*ENTRIES SUPPLIED:*
• • • •
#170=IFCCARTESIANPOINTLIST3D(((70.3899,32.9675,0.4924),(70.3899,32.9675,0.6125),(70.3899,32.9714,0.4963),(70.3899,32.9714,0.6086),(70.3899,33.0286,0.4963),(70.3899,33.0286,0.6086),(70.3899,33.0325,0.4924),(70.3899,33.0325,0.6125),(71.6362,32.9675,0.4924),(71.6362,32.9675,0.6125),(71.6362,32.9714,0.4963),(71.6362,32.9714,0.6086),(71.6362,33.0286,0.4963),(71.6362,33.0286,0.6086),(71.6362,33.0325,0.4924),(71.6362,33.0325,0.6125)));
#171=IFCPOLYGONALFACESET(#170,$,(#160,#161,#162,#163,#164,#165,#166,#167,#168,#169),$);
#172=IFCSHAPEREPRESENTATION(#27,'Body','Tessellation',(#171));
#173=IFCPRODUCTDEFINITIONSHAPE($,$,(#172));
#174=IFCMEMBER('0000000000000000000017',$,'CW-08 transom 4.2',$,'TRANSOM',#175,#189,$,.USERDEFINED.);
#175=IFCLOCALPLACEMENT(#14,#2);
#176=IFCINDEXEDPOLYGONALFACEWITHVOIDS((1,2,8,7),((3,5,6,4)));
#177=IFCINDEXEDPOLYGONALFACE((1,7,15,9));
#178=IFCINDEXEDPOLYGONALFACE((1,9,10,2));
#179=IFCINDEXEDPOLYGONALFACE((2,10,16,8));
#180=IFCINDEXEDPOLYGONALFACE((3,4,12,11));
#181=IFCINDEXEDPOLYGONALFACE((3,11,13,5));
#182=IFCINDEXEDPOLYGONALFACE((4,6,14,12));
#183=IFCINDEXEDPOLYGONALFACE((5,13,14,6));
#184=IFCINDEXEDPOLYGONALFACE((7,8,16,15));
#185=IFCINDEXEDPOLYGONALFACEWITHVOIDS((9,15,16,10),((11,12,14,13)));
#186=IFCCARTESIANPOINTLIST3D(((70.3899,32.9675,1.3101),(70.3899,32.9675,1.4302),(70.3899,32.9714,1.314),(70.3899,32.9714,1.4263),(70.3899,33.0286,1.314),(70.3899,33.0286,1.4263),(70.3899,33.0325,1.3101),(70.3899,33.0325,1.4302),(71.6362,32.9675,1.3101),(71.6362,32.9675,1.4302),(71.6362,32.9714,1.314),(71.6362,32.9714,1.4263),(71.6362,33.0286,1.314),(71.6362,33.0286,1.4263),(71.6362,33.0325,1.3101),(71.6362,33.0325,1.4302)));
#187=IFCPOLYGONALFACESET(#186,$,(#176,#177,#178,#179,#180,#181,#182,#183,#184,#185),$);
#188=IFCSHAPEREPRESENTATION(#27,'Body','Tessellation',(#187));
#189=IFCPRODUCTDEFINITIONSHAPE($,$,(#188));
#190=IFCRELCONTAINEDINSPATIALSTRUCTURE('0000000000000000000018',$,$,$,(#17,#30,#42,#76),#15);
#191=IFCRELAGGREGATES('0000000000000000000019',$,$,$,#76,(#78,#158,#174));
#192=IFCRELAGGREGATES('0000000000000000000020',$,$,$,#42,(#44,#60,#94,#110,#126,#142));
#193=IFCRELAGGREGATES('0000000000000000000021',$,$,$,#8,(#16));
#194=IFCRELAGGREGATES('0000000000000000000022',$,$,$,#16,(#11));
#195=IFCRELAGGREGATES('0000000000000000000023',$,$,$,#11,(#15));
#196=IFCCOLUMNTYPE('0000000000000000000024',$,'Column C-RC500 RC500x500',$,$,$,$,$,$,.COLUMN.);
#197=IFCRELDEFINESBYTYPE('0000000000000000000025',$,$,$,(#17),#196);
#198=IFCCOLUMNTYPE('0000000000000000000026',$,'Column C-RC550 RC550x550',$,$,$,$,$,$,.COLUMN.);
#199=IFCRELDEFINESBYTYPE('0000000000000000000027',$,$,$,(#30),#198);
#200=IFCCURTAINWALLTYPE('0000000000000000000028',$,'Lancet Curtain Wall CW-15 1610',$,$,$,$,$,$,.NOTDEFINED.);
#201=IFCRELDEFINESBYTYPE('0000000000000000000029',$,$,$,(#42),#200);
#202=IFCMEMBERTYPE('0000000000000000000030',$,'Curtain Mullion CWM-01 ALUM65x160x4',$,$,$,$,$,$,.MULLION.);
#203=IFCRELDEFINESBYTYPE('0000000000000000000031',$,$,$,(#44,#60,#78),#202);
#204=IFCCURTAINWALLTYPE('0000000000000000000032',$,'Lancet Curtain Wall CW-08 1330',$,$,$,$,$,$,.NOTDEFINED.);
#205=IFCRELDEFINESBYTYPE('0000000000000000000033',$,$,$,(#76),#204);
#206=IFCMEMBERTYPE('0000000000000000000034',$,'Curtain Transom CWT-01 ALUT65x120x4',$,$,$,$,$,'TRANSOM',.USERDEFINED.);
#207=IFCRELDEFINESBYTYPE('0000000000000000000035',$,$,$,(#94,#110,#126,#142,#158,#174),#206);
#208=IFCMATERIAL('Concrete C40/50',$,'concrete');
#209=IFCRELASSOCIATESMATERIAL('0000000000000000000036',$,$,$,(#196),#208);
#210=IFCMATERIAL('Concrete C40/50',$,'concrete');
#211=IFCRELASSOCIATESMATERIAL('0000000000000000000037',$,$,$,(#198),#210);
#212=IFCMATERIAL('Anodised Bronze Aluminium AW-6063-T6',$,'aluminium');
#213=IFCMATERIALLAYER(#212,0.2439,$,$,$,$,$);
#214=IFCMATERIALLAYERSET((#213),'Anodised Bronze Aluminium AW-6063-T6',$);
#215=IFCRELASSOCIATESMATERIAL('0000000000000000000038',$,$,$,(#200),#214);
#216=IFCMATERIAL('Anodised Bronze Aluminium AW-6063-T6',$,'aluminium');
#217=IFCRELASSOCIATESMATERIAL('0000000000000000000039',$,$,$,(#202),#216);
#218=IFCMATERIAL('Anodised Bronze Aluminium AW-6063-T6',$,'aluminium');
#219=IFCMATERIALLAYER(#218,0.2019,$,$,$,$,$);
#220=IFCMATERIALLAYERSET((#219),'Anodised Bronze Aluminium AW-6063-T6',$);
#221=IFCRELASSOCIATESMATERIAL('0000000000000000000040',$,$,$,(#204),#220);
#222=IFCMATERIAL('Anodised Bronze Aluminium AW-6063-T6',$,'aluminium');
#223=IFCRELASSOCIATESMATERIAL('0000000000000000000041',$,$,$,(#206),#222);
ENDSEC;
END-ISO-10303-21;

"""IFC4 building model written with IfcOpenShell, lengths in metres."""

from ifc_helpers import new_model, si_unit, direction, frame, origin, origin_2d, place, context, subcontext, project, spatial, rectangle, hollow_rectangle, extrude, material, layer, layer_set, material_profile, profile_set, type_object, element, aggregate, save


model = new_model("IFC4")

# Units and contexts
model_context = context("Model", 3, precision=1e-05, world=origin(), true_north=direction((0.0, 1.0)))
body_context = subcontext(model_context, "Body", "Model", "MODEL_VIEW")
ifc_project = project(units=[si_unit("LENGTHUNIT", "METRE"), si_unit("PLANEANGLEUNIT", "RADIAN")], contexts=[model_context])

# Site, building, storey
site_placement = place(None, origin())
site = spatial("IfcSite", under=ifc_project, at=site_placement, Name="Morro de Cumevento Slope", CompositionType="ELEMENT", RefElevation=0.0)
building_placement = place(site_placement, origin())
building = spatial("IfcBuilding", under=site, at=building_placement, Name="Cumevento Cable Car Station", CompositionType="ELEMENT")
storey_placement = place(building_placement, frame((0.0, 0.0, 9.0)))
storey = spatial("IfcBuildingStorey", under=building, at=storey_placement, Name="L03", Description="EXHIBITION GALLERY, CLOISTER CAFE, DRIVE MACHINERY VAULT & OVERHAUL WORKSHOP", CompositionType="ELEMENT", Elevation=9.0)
• • • •
*WHAT TO DO:* Return the line that contains "#222=IFCMATERIAL('Anodised Bronze Aluminium", along with every line after it in the data above, exactly and with nothing else.

*EXPECTED ANSWER:*
#222=IFCMATERIAL('Anodised Bronze Aluminium AW-6063-T6',$,'aluminium');
#223=IFCRELASSOCIATESMATERIAL('0000000000000000000041',$,$,$,(#206),#222);
ENDSEC;
END-ISO-10303-21;

"""IFC4 building model written with IfcOpenShell, lengths in metres."""

from ifc_helpers import new_model, si_unit, direction, frame, origin, origin_2d, place, context, subcontext, project, spatial, rectangle, hollow_rectangle, extrude, material, layer, layer_set, material_profile, profile_set, type_object, element, aggregate, save


model = new_model("IFC4")

# Units and contexts
model_context = context("Model", 3, precision=1e-05, world=origin(), true_north=direction((0.0, 1.0)))
body_context = subcontext(model_context, "Body", "Model", "MODEL_VIEW")
ifc_project = project(units=[si_unit("LENGTHUNIT", "METRE"), si_unit("PLANEANGLEUNIT", "RADIAN")], contexts=[model_context])

# Site, building, storey
site_placement = place(None, origin())
site = spatial("IfcSite", under=ifc_project, at=site_placement, Name="Morro de Cumevento Slope", CompositionType="ELEMENT", RefElevation=0.0)
building_placement = place(site_placement, origin())
building = spatial("IfcBuilding", under=site, at=building_placement, Name="Cumevento Cable Car Station", CompositionType="ELEMENT")
storey_placement = place(building_placement, frame((0.0, 0.0, 9.0)))
storey = spatial("IfcBuildingStorey", under=building, at=storey_placement, Name="L03", Description="EXHIBITION GALLERY, CLOISTER CAFE, DRIVE MACHINERY VAULT & OVERHAUL WORKSHOP", CompositionType="ELEMENT", Elevation=9.0)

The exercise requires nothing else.